(Saved data entries)

++++++++++

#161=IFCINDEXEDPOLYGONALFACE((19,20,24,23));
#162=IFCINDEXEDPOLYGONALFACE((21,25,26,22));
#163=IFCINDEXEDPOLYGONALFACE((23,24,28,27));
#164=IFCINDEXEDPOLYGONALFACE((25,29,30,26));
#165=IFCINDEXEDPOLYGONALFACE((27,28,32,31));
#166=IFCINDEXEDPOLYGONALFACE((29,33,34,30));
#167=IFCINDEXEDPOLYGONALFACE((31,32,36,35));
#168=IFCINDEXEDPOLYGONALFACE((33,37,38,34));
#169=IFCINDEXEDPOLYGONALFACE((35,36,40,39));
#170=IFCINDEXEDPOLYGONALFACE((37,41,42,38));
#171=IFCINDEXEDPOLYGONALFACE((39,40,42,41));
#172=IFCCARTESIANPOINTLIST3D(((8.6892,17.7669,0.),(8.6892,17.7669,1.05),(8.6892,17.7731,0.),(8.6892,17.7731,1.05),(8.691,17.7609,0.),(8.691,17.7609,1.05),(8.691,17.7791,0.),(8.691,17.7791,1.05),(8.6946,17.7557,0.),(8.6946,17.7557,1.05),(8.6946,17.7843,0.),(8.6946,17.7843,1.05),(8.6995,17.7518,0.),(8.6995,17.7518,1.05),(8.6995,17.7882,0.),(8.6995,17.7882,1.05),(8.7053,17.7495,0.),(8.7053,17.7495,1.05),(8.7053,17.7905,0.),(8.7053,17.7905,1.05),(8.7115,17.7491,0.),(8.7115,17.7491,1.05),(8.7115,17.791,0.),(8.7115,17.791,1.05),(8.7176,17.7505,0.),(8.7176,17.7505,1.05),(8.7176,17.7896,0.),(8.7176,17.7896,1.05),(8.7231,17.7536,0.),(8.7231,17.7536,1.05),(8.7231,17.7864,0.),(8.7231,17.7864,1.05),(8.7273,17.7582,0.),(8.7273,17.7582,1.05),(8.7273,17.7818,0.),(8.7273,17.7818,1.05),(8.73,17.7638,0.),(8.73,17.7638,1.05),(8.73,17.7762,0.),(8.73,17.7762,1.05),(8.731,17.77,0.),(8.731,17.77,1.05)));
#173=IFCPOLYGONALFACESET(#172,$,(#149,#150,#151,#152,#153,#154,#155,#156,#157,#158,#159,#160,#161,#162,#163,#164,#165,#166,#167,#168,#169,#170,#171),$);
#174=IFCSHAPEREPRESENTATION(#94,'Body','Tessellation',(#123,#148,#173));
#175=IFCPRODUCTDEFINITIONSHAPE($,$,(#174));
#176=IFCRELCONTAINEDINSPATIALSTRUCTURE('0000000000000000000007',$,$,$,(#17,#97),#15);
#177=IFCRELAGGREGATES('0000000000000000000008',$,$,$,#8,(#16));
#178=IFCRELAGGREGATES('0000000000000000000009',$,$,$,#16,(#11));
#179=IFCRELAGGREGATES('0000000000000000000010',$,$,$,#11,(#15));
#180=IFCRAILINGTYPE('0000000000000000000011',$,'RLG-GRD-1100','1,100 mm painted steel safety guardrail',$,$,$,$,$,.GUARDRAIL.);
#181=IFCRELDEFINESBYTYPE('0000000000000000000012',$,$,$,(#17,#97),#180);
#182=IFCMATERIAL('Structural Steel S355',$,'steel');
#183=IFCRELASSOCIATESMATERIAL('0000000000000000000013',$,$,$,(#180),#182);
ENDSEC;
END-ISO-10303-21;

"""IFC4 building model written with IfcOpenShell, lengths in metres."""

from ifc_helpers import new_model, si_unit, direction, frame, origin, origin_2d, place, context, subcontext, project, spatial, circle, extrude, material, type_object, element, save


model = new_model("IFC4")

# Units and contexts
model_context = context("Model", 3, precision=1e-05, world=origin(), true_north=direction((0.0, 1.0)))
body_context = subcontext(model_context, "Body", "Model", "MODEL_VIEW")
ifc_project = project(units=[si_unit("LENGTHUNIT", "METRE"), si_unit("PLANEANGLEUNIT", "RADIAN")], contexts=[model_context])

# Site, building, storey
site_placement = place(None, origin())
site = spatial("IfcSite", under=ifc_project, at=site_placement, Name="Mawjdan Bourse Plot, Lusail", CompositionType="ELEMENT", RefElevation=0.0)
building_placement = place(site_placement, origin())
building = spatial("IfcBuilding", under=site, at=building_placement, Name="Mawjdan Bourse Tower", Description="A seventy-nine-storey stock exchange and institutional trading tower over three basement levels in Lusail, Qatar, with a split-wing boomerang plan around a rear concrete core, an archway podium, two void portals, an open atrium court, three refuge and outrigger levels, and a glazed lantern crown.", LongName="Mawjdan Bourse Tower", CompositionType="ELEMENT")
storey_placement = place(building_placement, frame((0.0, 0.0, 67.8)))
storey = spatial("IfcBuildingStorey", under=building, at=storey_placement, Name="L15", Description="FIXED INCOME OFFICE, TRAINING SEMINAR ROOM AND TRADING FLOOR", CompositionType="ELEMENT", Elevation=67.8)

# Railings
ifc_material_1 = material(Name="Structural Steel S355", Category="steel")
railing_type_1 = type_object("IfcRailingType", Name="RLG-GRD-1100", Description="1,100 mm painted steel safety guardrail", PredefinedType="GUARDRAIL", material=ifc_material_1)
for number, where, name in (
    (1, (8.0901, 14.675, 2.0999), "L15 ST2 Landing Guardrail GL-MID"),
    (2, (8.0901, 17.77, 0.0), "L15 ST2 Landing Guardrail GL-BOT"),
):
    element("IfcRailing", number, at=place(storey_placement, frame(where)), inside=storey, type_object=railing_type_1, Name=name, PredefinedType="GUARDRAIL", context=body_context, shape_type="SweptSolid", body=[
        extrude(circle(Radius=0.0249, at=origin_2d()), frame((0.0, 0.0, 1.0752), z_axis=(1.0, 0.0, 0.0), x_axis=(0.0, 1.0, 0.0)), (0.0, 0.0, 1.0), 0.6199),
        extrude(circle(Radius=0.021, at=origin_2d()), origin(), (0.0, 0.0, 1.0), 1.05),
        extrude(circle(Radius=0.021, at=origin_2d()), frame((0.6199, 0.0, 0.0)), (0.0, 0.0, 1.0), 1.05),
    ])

++++++++++

▶ _EXERCISE BRIEF_:
Check each line of the data above for the word "Description" and say how many lines contain it, giving nothing besides the number.

▶ _PROBLEM SOLUTION_:
3